Count the lines below containing "SweptSolid"; state the number only.
>>
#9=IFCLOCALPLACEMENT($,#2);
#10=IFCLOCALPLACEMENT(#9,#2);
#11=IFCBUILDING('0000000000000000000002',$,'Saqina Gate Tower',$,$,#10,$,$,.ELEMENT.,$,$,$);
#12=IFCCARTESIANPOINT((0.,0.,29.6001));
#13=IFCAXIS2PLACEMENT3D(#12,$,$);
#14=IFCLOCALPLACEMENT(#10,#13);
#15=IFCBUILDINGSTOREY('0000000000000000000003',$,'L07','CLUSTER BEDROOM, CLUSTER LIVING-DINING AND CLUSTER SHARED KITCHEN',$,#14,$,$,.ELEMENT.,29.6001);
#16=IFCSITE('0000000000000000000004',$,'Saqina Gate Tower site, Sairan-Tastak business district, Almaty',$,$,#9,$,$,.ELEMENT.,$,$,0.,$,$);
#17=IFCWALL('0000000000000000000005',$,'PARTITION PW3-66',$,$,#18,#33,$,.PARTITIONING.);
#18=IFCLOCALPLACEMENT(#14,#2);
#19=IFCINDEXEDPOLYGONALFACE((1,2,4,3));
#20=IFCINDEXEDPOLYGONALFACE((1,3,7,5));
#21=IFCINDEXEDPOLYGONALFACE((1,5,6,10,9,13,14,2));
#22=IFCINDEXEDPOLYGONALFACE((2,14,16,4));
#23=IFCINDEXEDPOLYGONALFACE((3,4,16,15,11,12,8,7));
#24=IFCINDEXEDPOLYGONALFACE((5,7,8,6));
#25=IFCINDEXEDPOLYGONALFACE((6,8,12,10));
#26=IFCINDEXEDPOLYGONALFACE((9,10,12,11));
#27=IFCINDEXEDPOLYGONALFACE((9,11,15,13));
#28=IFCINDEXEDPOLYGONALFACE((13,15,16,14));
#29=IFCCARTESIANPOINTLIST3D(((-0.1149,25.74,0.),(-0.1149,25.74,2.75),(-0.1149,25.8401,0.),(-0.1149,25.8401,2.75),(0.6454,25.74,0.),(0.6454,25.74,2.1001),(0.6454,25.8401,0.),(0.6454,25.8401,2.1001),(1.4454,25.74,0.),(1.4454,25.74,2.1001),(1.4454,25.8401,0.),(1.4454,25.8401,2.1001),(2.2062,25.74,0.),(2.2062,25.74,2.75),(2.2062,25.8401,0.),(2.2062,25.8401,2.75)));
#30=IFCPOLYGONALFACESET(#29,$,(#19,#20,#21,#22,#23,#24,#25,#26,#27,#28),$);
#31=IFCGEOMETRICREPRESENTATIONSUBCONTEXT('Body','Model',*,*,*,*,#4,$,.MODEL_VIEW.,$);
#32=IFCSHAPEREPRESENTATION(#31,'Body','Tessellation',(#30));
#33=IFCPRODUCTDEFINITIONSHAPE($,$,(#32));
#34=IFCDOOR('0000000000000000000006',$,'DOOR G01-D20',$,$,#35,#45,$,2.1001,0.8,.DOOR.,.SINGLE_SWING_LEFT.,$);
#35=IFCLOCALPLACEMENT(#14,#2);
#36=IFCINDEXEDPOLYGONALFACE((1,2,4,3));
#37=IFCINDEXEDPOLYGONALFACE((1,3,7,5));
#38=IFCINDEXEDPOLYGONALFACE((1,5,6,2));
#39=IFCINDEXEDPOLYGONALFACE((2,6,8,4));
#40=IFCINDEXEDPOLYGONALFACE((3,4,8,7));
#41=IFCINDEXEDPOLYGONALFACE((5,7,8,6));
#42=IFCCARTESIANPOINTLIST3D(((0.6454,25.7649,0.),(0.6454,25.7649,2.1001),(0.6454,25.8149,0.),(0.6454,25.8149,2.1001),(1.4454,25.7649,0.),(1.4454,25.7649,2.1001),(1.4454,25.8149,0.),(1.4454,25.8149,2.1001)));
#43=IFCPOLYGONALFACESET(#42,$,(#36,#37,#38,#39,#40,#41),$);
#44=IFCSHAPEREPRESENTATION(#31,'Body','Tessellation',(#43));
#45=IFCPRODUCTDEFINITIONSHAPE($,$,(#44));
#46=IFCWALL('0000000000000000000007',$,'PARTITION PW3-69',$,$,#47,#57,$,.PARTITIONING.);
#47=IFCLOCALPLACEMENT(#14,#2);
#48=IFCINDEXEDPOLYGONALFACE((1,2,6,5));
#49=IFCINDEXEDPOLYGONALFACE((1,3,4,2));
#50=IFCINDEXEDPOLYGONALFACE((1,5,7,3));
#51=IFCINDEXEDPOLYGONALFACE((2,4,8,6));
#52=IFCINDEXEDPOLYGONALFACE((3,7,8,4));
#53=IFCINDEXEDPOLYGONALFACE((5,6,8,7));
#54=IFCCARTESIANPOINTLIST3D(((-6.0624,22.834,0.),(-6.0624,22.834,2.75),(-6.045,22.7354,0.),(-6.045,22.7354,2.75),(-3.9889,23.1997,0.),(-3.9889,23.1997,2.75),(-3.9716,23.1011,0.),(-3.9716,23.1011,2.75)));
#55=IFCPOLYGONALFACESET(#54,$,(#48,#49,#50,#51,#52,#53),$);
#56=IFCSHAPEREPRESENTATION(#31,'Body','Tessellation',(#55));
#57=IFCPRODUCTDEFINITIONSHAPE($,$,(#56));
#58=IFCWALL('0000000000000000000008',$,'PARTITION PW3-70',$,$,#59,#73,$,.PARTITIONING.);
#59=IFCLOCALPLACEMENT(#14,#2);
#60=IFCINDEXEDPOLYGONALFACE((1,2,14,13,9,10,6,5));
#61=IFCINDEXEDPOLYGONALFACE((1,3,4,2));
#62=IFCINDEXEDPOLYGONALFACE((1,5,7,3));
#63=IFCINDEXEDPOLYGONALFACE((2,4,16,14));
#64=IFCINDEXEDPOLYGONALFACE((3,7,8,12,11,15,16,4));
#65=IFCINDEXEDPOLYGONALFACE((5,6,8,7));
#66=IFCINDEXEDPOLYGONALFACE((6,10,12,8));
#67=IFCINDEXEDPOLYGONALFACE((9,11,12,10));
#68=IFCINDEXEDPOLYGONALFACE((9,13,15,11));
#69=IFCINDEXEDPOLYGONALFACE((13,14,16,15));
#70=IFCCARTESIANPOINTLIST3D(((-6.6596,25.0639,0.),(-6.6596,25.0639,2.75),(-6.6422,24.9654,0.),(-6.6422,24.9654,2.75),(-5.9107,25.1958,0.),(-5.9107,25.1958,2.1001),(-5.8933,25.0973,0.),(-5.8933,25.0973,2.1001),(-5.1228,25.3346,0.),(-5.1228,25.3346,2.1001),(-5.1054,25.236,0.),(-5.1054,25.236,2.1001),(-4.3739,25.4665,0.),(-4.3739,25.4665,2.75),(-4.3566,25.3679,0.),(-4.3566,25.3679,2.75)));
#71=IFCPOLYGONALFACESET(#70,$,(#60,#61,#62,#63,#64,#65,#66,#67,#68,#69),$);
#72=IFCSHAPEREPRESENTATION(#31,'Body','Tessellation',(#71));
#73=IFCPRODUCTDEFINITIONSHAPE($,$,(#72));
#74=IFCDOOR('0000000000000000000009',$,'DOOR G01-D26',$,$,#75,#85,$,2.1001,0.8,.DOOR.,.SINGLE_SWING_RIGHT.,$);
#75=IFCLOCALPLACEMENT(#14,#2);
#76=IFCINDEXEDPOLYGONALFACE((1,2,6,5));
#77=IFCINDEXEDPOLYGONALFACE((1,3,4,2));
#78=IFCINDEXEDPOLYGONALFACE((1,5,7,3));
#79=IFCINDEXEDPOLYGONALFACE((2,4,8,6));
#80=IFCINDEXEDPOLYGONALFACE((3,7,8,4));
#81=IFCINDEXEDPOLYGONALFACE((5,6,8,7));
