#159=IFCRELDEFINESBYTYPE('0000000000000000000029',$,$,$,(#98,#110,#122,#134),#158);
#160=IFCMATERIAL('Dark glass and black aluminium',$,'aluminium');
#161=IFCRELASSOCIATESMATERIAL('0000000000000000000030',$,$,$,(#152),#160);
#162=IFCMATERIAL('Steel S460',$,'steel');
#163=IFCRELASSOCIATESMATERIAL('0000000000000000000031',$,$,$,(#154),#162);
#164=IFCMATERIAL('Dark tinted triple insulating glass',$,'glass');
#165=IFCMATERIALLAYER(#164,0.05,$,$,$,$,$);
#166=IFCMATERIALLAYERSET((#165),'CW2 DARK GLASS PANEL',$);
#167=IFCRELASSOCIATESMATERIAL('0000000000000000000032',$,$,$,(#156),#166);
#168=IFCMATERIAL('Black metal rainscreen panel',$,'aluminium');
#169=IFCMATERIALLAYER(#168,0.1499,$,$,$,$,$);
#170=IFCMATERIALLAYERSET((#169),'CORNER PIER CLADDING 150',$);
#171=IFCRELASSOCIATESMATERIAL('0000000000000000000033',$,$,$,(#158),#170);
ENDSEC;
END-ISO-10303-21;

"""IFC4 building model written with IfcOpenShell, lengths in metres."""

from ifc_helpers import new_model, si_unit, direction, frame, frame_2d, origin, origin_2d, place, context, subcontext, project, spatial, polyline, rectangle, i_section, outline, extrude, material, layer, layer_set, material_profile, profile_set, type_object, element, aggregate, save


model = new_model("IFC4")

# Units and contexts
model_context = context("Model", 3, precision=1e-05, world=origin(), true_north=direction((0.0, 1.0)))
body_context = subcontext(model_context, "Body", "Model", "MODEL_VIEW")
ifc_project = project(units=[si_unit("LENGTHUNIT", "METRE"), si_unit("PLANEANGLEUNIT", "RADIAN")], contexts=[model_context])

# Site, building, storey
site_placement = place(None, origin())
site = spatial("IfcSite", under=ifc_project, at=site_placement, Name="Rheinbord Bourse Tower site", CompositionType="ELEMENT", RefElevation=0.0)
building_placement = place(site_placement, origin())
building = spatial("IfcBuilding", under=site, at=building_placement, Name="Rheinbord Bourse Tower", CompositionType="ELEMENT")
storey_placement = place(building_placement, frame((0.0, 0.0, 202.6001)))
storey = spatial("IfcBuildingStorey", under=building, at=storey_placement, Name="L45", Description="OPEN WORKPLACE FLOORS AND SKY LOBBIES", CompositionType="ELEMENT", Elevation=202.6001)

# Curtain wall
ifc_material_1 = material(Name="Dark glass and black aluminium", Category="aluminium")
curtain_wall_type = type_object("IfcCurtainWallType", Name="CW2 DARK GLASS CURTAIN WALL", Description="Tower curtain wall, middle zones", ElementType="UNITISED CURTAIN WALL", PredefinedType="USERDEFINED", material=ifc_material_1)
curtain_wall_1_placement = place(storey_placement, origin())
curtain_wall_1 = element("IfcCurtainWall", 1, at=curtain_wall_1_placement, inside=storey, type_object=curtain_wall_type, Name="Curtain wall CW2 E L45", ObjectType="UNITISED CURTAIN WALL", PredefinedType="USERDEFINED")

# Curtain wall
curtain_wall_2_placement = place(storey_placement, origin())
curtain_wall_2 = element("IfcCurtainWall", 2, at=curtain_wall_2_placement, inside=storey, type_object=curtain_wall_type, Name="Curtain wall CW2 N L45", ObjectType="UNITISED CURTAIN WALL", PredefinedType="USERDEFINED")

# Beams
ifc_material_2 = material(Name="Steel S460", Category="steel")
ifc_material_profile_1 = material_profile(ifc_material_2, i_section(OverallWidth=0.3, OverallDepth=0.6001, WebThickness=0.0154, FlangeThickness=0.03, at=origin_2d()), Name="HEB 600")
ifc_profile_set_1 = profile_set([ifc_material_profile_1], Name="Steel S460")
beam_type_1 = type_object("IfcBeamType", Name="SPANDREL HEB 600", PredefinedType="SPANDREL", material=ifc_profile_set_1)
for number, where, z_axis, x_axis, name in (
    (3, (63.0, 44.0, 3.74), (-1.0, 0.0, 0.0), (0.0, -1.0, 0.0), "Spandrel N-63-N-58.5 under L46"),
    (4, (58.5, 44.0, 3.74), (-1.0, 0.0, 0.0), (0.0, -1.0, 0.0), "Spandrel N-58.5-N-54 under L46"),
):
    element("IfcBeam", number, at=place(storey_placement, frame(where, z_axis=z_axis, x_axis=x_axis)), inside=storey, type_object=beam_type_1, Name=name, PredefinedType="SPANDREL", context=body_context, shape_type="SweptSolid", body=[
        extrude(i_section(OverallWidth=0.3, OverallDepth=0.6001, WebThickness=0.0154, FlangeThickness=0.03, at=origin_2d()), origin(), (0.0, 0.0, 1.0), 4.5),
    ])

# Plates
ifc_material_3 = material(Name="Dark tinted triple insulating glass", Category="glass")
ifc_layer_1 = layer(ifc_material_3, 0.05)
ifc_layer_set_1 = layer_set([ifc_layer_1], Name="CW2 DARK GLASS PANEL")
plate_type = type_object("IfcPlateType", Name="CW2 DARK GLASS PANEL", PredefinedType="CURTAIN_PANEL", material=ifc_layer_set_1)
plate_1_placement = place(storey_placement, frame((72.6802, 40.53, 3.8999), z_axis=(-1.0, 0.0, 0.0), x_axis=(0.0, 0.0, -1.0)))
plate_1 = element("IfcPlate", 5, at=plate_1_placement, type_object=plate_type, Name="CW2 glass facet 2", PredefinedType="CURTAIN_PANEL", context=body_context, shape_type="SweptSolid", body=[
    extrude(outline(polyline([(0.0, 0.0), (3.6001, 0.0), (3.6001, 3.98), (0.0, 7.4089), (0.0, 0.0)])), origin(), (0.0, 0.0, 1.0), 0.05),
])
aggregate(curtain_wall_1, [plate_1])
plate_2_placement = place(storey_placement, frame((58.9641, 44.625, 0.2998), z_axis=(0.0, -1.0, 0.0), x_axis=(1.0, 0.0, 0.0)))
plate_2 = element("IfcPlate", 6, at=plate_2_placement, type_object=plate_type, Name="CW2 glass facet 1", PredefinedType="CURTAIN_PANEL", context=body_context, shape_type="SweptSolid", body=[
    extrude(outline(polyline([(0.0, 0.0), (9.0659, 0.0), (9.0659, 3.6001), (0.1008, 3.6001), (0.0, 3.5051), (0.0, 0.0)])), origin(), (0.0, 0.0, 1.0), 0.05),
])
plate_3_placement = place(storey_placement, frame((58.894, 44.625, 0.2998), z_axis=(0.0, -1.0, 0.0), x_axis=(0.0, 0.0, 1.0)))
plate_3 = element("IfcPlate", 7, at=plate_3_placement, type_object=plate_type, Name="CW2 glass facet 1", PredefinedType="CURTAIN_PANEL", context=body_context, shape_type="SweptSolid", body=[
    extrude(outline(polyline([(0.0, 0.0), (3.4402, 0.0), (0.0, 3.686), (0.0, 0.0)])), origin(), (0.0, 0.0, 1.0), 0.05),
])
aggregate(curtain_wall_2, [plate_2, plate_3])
<<
**Task output**
4